What you have to do:
Go over the entries below line by line, copying each one that contains the word "IFCPLATE".

Collected data entries
____________________
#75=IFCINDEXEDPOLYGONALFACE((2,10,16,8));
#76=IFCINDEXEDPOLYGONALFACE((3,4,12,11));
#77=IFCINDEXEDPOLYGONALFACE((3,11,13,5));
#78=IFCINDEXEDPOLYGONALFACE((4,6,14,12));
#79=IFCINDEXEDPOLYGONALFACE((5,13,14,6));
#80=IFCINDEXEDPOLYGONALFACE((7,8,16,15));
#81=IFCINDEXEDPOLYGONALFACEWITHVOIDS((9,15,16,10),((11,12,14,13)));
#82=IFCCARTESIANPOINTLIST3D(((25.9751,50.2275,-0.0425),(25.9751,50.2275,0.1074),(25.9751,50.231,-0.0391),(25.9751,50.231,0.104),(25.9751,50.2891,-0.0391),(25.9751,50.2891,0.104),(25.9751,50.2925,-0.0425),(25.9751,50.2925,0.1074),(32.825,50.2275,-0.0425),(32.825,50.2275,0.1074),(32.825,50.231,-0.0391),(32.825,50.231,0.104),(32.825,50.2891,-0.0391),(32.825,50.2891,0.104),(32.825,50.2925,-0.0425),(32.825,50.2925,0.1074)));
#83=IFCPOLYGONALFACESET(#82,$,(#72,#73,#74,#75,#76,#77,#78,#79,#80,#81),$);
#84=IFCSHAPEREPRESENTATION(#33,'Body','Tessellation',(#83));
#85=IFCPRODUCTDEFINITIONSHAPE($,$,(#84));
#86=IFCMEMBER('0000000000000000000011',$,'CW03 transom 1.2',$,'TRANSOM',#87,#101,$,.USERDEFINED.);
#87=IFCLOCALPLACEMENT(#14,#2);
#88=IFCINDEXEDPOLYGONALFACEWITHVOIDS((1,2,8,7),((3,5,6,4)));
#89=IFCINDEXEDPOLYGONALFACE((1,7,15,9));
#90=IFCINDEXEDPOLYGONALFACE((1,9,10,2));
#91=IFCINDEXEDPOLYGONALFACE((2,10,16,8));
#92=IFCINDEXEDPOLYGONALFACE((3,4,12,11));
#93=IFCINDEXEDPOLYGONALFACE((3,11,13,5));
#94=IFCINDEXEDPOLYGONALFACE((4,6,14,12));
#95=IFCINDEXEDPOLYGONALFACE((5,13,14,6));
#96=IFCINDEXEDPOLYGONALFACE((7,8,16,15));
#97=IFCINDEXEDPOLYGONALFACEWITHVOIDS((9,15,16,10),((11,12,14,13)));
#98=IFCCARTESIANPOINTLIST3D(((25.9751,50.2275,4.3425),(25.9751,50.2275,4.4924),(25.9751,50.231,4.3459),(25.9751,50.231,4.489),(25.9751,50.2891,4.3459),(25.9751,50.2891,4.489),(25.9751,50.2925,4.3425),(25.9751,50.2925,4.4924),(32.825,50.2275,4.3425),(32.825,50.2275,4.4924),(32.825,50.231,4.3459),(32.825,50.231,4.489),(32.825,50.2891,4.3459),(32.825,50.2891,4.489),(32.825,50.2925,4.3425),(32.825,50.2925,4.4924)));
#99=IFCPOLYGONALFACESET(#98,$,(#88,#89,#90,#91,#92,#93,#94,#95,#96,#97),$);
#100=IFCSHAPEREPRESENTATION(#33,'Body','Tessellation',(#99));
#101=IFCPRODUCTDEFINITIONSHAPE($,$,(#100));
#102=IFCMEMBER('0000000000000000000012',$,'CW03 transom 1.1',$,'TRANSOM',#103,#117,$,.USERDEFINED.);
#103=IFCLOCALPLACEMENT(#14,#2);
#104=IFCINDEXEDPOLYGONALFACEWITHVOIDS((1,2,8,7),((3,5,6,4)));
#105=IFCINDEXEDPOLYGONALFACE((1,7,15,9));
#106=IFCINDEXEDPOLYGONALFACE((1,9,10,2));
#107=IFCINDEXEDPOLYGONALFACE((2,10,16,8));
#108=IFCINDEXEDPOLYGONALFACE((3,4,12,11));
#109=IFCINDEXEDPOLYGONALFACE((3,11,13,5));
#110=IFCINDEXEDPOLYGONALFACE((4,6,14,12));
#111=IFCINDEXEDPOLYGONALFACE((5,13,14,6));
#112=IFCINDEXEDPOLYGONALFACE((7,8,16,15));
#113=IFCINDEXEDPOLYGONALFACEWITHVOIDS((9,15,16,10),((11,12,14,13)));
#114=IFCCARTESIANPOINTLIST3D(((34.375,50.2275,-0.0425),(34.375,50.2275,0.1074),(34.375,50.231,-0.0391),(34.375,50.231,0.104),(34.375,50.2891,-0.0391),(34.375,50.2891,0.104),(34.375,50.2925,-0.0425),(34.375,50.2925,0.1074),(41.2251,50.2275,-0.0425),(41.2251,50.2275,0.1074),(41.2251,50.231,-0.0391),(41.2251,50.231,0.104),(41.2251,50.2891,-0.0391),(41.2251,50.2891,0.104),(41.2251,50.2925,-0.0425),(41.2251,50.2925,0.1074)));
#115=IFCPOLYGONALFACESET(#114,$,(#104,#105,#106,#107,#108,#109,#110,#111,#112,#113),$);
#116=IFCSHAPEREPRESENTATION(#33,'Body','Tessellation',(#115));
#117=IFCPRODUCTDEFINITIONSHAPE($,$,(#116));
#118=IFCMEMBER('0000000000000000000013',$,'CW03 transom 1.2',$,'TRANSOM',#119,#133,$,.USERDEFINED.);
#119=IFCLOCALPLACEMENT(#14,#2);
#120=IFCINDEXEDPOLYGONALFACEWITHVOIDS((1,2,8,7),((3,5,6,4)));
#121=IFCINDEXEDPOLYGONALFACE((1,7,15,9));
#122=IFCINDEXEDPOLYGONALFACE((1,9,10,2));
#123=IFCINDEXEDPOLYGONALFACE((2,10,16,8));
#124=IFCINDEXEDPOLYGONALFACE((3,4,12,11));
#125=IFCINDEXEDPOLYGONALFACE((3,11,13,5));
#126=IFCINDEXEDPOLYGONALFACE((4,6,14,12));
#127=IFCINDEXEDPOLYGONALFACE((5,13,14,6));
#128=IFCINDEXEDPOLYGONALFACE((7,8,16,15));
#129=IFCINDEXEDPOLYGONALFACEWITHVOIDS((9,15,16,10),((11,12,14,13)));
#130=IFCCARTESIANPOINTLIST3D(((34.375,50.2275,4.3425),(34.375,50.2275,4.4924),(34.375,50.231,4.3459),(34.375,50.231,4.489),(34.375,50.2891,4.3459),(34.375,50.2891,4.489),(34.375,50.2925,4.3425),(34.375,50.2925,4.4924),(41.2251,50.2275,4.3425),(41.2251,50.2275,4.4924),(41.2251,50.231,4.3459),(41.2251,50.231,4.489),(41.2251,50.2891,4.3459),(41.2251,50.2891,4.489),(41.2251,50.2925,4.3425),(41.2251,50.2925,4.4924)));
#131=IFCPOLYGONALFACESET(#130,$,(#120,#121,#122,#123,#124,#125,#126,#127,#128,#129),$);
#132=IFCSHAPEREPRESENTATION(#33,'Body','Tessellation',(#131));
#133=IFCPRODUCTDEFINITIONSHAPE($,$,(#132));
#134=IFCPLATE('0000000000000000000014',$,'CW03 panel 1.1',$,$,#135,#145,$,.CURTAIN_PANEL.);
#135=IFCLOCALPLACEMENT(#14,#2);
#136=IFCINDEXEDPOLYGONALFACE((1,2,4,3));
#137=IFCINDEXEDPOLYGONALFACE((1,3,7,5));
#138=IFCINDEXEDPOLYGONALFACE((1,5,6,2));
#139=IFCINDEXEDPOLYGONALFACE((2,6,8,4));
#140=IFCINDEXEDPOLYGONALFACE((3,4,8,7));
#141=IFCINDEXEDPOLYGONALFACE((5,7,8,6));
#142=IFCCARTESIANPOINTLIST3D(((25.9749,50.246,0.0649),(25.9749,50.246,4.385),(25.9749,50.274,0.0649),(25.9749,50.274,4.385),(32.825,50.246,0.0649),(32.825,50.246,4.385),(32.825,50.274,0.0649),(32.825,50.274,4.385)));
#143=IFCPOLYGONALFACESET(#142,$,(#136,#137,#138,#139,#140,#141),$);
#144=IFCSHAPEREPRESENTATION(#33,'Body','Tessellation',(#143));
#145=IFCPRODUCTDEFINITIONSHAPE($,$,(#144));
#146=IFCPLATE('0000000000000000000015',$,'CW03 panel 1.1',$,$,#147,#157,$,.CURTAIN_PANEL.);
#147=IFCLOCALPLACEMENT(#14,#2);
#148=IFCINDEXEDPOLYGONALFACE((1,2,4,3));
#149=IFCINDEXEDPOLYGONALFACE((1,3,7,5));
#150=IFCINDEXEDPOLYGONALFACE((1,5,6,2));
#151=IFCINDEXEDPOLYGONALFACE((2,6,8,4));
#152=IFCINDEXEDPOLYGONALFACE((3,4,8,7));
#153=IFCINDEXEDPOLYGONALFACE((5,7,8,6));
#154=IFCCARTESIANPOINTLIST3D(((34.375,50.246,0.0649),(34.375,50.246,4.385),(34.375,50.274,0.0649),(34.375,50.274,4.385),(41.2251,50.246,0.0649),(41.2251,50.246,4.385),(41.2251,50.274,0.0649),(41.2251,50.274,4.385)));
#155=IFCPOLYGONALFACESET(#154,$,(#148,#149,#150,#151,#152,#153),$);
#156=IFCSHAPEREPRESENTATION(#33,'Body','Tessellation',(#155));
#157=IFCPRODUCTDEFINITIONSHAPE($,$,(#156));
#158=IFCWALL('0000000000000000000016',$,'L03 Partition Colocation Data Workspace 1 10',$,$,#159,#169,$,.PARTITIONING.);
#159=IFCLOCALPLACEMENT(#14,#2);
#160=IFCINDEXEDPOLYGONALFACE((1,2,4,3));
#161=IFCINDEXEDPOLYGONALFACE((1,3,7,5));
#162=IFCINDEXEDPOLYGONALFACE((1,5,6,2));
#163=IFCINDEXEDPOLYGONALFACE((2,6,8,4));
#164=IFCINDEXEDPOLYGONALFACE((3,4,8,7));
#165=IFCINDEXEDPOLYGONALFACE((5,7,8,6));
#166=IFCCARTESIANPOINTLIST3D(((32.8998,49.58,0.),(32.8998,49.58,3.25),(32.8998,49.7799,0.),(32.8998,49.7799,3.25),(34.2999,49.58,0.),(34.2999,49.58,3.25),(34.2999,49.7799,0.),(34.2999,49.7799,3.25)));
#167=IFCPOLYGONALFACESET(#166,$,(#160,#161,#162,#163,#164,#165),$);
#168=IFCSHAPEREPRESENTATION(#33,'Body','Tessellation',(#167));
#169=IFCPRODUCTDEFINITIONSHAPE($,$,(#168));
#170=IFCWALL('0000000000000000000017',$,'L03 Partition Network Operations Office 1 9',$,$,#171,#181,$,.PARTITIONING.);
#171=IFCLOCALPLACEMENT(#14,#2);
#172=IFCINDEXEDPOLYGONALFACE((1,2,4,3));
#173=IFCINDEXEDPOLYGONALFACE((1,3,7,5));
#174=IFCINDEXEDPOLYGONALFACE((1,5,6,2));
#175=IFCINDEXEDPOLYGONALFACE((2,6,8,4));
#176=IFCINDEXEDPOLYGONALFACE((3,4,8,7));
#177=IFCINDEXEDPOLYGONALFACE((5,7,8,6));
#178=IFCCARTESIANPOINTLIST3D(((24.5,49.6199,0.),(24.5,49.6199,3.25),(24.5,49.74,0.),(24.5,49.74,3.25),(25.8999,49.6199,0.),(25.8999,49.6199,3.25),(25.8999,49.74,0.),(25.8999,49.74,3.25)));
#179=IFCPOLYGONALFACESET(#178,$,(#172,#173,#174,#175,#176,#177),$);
____________________
Written response:
#134=IFCPLATE('0000000000000000000014',$,'CW03 panel 1.1',$,$,#135,#145,$,.CURTAIN_PANEL.);
#146=IFCPLATE('0000000000000000000015',$,'CW03 panel 1.1',$,$,#147,#157,$,.CURTAIN_PANEL.);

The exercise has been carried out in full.